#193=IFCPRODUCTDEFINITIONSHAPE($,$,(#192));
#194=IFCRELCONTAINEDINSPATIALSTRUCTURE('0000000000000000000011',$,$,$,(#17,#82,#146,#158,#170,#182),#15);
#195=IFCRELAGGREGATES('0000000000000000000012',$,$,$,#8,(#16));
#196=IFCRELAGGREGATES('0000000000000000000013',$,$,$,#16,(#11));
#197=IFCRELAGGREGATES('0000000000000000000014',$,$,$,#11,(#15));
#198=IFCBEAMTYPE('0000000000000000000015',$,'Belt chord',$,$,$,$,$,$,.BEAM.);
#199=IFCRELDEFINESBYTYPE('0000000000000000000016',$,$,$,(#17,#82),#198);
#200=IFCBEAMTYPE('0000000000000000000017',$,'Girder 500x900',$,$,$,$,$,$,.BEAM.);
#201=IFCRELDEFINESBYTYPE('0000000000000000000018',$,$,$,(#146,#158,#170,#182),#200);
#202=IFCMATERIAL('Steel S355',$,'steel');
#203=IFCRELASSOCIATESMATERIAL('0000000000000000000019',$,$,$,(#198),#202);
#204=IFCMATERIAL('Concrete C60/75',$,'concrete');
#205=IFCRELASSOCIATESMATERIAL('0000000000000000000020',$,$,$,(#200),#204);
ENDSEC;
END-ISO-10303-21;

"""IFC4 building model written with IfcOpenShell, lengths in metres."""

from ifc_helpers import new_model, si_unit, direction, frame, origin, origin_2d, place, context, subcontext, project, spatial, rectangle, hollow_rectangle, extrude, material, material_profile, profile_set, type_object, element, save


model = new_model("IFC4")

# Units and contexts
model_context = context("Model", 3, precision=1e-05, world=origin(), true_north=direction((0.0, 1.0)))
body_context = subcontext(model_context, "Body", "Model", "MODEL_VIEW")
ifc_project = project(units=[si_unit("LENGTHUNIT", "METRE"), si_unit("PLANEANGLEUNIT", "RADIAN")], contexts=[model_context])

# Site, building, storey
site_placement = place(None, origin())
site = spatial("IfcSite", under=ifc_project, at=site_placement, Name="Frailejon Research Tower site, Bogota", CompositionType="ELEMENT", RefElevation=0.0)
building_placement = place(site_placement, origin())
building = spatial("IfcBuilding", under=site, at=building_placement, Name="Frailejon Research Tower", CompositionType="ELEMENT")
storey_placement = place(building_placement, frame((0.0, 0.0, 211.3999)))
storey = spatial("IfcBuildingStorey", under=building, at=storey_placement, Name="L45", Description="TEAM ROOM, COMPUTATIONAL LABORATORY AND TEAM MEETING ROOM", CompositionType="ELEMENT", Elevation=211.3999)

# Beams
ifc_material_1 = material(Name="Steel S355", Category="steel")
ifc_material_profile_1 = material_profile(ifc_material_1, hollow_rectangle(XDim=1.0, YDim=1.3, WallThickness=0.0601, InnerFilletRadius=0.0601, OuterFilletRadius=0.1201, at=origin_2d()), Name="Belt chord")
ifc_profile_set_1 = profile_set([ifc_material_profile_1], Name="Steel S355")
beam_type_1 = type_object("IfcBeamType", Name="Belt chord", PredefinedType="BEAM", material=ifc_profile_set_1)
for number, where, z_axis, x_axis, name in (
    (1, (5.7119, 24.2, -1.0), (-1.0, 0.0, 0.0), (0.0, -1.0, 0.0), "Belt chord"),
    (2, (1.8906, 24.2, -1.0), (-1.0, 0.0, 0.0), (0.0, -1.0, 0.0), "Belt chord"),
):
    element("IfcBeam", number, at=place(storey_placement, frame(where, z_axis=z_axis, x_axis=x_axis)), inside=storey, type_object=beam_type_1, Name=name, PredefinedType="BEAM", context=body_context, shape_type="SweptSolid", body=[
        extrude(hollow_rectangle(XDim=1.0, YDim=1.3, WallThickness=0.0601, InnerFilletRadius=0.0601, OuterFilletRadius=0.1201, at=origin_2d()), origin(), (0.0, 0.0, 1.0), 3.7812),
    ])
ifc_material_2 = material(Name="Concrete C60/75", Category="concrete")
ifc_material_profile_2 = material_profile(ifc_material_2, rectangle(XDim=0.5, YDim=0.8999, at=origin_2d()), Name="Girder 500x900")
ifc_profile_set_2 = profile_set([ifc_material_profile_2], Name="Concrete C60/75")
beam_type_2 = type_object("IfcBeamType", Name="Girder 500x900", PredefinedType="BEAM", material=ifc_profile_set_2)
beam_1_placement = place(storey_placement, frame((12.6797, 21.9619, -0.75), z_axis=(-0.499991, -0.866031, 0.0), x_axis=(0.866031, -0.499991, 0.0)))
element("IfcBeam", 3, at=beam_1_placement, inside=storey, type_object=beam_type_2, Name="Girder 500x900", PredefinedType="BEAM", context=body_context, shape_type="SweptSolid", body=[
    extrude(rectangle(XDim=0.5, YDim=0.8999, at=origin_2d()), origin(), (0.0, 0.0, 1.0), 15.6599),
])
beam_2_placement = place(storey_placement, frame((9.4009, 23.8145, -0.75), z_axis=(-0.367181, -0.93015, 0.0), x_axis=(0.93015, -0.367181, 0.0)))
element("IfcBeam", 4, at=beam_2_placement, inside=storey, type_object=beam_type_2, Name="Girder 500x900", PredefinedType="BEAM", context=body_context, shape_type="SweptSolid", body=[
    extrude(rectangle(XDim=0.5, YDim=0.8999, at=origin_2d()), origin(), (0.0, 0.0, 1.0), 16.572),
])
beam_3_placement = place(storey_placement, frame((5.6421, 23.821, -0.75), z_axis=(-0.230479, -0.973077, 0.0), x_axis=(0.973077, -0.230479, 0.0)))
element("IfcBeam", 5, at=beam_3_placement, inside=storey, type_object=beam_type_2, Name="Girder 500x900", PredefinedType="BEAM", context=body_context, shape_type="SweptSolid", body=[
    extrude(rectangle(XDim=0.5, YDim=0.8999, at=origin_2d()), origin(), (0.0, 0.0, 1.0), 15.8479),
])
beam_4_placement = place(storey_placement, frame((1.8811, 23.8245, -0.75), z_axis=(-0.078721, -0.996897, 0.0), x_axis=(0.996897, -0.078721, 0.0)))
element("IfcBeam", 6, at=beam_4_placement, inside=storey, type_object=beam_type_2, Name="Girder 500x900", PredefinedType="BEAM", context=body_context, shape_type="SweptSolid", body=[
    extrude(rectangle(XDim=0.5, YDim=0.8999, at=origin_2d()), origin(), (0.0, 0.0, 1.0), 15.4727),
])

> _WHAT IS BEING ASKED_: Your task is to restate, word for word, the lines from the beginning of the records to the line with "#202=IFCMATERIAL('Steel S355',$,'steel');", inclusive.

> _TASK RESPONSE_:
#193=IFCPRODUCTDEFINITIONSHAPE($,$,(#192));
#194=IFCRELCONTAINEDINSPATIALSTRUCTURE('0000000000000000000011',$,$,$,(#17,#82,#146,#158,#170,#182),#15);
#195=IFCRELAGGREGATES('0000000000000000000012',$,$,$,#8,(#16));
#196=IFCRELAGGREGATES('0000000000000000000013',$,$,$,#16,(#11));
#197=IFCRELAGGREGATES('0000000000000000000014',$,$,$,#11,(#15));
#198=IFCBEAMTYPE('0000000000000000000015',$,'Belt chord',$,$,$,$,$,$,.BEAM.);
#199=IFCRELDEFINESBYTYPE('0000000000000000000016',$,$,$,(#17,#82),#198);
#200=IFCBEAMTYPE('0000000000000000000017',$,'Girder 500x900',$,$,$,$,$,$,.BEAM.);
#201=IFCRELDEFINESBYTYPE('0000000000000000000018',$,$,$,(#146,#158,#170,#182),#200);
#202=IFCMATERIAL('Steel S355',$,'steel');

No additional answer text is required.